- WHAT YOU ARE ASKED TO DO
Reproduce the opening lines of the records exactly, up to and including the line in which "#141=IFCINDEXEDPOLYGONALFACE((6,8,28,26));" occurs.

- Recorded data
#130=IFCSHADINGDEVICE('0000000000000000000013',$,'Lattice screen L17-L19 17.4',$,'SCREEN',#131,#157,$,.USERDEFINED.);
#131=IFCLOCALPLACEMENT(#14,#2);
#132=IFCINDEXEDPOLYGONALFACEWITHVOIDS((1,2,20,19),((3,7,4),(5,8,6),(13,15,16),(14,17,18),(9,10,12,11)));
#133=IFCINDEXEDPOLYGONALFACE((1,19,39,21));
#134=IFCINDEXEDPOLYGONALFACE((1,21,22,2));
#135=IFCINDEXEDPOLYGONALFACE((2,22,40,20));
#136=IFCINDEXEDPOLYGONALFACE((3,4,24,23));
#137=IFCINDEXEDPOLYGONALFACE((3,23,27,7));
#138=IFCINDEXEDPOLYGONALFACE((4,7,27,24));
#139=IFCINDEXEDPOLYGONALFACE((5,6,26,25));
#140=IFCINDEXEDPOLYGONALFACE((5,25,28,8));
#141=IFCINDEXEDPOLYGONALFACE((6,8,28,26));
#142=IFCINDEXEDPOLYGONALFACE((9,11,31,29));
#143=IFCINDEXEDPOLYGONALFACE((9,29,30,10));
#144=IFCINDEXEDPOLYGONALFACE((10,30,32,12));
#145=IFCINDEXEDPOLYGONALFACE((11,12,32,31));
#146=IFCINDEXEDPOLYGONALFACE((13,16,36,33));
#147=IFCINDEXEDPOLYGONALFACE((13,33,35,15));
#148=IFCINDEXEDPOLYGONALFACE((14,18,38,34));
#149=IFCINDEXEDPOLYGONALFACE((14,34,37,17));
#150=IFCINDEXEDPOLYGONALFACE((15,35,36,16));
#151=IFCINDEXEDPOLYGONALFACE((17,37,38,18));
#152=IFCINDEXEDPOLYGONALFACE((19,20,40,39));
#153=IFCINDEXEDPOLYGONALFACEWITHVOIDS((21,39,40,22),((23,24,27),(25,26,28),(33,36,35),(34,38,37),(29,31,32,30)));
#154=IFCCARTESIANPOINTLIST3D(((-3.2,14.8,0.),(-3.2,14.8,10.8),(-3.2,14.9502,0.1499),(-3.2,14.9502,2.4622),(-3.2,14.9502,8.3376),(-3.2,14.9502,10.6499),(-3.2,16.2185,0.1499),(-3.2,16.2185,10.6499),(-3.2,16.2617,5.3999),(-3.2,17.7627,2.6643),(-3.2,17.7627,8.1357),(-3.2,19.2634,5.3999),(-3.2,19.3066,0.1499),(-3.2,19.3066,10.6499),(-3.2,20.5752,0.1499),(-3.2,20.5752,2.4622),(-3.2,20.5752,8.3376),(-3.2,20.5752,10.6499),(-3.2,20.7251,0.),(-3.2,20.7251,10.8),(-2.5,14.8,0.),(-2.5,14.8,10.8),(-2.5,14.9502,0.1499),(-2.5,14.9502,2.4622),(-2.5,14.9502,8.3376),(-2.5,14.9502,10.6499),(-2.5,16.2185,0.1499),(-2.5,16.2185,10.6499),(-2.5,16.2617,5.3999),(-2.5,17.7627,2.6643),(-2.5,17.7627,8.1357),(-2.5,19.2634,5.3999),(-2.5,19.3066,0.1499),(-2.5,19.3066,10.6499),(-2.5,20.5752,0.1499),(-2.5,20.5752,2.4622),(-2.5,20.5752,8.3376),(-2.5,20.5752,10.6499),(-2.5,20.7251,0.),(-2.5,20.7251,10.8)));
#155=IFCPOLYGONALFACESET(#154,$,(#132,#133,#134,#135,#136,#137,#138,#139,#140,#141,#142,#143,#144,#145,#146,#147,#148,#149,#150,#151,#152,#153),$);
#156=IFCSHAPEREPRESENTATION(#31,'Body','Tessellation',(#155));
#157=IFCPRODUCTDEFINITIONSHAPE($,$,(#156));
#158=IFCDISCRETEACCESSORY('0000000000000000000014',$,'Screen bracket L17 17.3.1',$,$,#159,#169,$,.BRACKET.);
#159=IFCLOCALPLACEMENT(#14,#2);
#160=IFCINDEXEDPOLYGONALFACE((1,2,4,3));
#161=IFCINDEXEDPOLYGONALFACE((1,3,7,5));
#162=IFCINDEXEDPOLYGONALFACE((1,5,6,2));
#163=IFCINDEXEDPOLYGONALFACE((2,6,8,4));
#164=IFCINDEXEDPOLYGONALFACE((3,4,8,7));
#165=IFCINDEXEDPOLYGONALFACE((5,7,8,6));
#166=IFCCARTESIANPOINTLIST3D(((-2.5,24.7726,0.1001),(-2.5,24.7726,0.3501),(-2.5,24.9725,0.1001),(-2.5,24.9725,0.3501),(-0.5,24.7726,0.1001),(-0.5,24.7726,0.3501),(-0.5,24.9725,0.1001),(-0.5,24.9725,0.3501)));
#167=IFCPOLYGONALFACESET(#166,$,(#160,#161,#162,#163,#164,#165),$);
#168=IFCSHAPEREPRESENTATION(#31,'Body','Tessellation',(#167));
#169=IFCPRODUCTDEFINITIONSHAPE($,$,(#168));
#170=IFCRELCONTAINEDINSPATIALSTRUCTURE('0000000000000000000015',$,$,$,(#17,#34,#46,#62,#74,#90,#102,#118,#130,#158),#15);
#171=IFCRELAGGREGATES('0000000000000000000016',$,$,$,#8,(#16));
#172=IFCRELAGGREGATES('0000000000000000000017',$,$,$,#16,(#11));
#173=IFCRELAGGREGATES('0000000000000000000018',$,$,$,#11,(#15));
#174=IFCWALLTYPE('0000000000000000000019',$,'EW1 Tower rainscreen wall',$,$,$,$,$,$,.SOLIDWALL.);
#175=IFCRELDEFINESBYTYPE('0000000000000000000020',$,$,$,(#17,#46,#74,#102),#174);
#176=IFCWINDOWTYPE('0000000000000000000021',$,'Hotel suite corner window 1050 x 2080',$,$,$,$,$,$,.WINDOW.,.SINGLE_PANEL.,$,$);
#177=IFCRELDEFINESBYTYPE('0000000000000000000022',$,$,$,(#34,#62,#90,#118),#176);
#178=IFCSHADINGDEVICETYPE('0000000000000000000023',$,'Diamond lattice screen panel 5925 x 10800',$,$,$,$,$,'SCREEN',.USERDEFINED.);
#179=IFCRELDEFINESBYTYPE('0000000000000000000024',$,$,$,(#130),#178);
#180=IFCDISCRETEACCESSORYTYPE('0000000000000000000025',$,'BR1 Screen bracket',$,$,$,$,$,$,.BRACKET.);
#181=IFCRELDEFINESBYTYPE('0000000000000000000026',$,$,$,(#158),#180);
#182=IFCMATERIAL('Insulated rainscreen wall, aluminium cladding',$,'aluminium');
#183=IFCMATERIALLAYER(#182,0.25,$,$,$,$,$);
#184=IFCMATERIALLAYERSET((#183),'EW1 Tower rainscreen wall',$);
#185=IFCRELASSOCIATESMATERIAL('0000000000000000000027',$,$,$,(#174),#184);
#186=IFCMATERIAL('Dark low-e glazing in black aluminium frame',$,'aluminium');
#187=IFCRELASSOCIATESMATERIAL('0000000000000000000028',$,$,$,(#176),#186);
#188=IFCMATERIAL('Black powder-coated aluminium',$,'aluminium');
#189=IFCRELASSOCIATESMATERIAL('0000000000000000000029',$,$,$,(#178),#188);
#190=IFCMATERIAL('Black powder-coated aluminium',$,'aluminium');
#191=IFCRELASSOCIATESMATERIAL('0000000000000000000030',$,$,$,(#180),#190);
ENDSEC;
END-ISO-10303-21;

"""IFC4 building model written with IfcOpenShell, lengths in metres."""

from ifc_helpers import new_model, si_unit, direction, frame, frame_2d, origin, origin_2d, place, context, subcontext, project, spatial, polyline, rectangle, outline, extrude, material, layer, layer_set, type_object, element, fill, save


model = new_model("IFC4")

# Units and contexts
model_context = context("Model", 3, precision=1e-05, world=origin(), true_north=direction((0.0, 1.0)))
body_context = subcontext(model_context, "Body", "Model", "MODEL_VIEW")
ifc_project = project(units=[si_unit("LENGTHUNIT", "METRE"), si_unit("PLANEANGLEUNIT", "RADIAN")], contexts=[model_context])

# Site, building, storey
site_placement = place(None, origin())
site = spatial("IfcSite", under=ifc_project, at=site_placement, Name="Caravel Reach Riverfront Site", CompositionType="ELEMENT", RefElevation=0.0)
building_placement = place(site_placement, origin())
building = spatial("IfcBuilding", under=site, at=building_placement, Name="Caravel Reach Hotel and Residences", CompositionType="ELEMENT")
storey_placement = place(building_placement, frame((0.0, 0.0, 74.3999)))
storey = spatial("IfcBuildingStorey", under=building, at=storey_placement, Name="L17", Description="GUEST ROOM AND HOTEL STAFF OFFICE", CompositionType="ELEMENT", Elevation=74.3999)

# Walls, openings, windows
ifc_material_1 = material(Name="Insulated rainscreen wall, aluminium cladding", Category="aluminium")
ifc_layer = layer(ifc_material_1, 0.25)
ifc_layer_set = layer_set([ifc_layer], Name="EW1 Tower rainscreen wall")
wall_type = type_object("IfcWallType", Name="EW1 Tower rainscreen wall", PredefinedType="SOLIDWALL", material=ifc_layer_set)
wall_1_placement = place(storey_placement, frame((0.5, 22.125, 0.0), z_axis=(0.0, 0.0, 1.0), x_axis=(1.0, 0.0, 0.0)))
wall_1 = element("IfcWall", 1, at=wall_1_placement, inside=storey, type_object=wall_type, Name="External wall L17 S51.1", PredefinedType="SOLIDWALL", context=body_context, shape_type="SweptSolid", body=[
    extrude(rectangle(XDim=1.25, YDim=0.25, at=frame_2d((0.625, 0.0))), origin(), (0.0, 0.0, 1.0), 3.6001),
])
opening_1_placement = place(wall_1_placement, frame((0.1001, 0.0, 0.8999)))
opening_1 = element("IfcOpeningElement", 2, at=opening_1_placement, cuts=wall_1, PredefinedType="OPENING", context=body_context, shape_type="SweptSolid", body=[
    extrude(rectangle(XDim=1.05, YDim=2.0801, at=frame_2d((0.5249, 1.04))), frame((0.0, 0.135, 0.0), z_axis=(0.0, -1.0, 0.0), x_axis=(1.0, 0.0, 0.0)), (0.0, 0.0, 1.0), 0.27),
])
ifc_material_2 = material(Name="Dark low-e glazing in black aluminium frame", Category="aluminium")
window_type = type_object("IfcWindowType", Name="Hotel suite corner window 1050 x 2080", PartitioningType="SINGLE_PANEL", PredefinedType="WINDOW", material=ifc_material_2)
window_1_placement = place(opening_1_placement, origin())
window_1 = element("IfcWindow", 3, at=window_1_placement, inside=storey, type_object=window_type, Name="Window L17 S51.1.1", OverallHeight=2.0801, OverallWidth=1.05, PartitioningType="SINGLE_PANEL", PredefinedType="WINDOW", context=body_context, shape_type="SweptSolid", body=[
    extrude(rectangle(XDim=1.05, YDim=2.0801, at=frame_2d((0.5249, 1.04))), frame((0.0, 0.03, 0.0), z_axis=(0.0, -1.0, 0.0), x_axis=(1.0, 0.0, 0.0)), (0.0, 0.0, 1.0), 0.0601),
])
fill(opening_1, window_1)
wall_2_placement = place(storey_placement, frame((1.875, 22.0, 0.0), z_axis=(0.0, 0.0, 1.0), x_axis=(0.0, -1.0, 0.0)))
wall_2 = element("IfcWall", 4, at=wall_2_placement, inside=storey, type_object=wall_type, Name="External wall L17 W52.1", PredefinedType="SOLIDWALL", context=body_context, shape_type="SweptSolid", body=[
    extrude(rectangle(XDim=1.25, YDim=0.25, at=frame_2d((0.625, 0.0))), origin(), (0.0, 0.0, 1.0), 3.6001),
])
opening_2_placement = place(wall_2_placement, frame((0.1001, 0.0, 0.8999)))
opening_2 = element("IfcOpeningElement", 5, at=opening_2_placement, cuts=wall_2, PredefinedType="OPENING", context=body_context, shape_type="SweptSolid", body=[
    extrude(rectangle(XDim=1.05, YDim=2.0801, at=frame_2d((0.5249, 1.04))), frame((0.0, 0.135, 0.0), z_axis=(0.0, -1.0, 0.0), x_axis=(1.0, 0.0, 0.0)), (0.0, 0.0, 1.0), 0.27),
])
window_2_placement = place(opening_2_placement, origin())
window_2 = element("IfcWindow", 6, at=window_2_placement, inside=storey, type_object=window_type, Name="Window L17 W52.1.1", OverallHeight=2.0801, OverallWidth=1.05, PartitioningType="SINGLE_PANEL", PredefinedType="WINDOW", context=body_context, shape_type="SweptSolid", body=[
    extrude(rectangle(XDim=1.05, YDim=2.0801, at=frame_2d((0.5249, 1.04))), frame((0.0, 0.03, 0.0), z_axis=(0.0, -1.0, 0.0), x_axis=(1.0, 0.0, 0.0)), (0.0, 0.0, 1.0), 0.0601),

- ANSWER BOX
#130=IFCSHADINGDEVICE('0000000000000000000013',$,'Lattice screen L17-L19 17.4',$,'SCREEN',#131,#157,$,.USERDEFINED.);
#131=IFCLOCALPLACEMENT(#14,#2);
#132=IFCINDEXEDPOLYGONALFACEWITHVOIDS((1,2,20,19),((3,7,4),(5,8,6),(13,15,16),(14,17,18),(9,10,12,11)));
#133=IFCINDEXEDPOLYGONALFACE((1,19,39,21));
#134=IFCINDEXEDPOLYGONALFACE((1,21,22,2));
#135=IFCINDEXEDPOLYGONALFACE((2,22,40,20));
#136=IFCINDEXEDPOLYGONALFACE((3,4,24,23));
#137=IFCINDEXEDPOLYGONALFACE((3,23,27,7));
#138=IFCINDEXEDPOLYGONALFACE((4,7,27,24));
#139=IFCINDEXEDPOLYGONALFACE((5,6,26,25));
#140=IFCINDEXEDPOLYGONALFACE((5,25,28,8));
#141=IFCINDEXEDPOLYGONALFACE((6,8,28,26));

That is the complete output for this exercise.